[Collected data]
********

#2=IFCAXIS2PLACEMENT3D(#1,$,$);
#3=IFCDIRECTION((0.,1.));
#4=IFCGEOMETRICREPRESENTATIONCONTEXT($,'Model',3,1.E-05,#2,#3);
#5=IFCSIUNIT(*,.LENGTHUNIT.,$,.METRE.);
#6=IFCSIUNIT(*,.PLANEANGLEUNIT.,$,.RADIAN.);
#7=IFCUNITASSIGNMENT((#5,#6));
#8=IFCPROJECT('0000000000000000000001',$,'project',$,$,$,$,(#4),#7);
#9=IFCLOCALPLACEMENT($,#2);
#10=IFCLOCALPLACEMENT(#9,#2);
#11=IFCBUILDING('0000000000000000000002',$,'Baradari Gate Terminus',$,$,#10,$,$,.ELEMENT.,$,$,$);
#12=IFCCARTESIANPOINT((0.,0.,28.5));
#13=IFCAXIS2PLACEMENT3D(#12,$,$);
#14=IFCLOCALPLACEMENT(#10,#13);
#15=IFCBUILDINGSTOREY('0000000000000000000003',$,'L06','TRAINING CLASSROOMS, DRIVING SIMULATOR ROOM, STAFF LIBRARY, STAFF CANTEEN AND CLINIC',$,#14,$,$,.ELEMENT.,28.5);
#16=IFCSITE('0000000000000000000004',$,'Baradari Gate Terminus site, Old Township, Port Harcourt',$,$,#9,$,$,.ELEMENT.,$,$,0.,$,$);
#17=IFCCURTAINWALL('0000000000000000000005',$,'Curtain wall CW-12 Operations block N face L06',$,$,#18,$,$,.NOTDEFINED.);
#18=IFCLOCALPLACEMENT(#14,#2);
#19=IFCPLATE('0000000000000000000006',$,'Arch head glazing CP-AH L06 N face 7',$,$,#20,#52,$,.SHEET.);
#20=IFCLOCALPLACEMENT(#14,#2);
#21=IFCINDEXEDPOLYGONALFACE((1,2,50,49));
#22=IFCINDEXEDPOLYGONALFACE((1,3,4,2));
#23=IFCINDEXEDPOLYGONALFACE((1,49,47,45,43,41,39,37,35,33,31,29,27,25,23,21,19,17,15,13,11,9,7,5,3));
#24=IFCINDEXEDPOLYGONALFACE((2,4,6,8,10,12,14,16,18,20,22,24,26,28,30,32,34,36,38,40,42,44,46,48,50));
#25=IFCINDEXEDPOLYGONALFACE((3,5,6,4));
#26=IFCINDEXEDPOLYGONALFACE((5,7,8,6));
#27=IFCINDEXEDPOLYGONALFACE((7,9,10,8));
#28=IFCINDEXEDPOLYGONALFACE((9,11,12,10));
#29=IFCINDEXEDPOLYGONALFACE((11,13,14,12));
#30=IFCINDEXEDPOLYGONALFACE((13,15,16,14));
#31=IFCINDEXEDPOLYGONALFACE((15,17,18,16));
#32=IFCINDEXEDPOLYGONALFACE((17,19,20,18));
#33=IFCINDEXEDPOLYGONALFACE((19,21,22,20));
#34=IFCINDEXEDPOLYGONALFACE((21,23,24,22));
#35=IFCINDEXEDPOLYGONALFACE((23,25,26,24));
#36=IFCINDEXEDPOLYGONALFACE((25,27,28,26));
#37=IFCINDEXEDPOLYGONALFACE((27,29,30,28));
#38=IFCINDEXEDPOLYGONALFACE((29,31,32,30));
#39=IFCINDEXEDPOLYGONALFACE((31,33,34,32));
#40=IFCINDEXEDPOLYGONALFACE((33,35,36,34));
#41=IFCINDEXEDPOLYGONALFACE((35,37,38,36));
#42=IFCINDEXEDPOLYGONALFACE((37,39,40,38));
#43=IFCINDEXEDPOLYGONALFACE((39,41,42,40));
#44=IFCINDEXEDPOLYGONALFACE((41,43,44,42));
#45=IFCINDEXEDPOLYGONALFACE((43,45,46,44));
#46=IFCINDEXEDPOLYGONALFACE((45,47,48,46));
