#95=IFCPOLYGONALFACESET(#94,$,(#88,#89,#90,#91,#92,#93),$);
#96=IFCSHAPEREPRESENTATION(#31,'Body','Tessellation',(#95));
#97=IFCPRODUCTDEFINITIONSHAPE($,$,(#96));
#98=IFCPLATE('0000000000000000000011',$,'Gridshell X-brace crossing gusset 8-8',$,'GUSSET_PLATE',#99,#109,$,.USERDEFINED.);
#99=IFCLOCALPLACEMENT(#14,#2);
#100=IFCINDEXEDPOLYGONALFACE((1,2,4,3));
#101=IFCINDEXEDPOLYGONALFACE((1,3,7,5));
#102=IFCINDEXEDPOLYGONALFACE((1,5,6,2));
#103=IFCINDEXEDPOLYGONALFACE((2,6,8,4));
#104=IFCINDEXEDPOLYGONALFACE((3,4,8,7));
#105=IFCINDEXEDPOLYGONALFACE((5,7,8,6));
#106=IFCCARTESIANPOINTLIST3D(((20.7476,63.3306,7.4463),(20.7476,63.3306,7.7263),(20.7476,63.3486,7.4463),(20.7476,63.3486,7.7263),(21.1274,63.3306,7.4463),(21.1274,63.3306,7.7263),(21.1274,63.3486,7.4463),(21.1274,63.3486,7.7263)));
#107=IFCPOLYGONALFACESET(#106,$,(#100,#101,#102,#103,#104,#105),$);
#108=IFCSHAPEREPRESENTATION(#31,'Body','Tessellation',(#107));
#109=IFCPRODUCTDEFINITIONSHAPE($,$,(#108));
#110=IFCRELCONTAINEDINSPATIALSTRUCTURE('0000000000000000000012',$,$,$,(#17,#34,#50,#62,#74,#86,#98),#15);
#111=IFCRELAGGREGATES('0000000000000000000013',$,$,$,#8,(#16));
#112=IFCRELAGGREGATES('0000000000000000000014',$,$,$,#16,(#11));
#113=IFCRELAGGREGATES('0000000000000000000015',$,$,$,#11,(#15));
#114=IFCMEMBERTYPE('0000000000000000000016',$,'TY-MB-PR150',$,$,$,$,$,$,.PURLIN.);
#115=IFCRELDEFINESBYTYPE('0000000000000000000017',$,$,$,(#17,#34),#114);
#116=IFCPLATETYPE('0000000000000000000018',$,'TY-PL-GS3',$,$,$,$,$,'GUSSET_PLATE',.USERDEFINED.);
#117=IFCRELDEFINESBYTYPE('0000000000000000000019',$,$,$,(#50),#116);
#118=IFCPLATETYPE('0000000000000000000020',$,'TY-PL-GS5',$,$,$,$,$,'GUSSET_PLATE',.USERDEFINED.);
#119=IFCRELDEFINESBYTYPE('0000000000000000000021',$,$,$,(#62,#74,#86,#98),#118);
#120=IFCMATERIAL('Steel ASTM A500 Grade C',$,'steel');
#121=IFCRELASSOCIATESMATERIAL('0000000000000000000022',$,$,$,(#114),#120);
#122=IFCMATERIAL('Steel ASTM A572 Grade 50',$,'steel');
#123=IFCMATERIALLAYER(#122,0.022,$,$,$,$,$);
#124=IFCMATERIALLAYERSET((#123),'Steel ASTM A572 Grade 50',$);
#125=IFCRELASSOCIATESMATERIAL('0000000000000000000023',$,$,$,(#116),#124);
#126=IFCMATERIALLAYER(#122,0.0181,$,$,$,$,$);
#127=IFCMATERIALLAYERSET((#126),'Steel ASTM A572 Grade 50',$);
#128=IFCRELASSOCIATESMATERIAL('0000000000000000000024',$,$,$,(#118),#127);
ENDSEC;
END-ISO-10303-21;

********

Output exactly the leading lines of the data, up to and including the line marked by "#31=IFCINDEXEDPOLYGONALFACE((15,17,18,16));".

# [ANSWER SECTION]
#2=IFCAXIS2PLACEMENT3D(#1,$,$);
#3=IFCDIRECTION((0.,1.));
#4=IFCGEOMETRICREPRESENTATIONCONTEXT($,'Model',3,1.E-05,#2,#3);
#5=IFCSIUNIT(*,.LENGTHUNIT.,$,.METRE.);
#6=IFCSIUNIT(*,.PLANEANGLEUNIT.,$,.RADIAN.);
#7=IFCUNITASSIGNMENT((#5,#6));
#8=IFCPROJECT('0000000000000000000001',$,'project',$,$,$,$,(#4),#7);
#9=IFCLOCALPLACEMENT($,#2);
#10=IFCLOCALPLACEMENT(#9,#2);
#11=IFCBUILDING('0000000000000000000002',$,'Baradari Gate Terminus',$,$,#10,$,$,.ELEMENT.,$,$,$);
#12=IFCCARTESIANPOINT((0.,0.,28.5));
#13=IFCAXIS2PLACEMENT3D(#12,$,$);
#14=IFCLOCALPLACEMENT(#10,#13);
#15=IFCBUILDINGSTOREY('0000000000000000000003',$,'L06','TRAINING CLASSROOMS, DRIVING SIMULATOR ROOM, STAFF LIBRARY, STAFF CANTEEN AND CLINIC',$,#14,$,$,.ELEMENT.,28.5);
#16=IFCSITE('0000000000000000000004',$,'Baradari Gate Terminus site, Old Township, Port Harcourt',$,$,#9,$,$,.ELEMENT.,$,$,0.,$,$);
#17=IFCCURTAINWALL('0000000000000000000005',$,'Curtain wall CW-12 Operations block N face L06',$,$,#18,$,$,.NOTDEFINED.);
#18=IFCLOCALPLACEMENT(#14,#2);
#19=IFCPLATE('0000000000000000000006',$,'Arch head glazing CP-AH L06 N face 7',$,$,#20,#52,$,.SHEET.);
#20=IFCLOCALPLACEMENT(#14,#2);
#21=IFCINDEXEDPOLYGONALFACE((1,2,50,49));
#22=IFCINDEXEDPOLYGONALFACE((1,3,4,2));
#23=IFCINDEXEDPOLYGONALFACE((1,49,47,45,43,41,39,37,35,33,31,29,27,25,23,21,19,17,15,13,11,9,7,5,3));
#24=IFCINDEXEDPOLYGONALFACE((2,4,6,8,10,12,14,16,18,20,22,24,26,28,30,32,34,36,38,40,42,44,46,48,50));
#25=IFCINDEXEDPOLYGONALFACE((3,5,6,4));
#26=IFCINDEXEDPOLYGONALFACE((5,7,8,6));
#27=IFCINDEXEDPOLYGONALFACE((7,9,10,8));
#28=IFCINDEXEDPOLYGONALFACE((9,11,12,10));
#29=IFCINDEXEDPOLYGONALFACE((11,13,14,12));
#30=IFCINDEXEDPOLYGONALFACE((13,15,16,14));
#31=IFCINDEXEDPOLYGONALFACE((15,17,18,16));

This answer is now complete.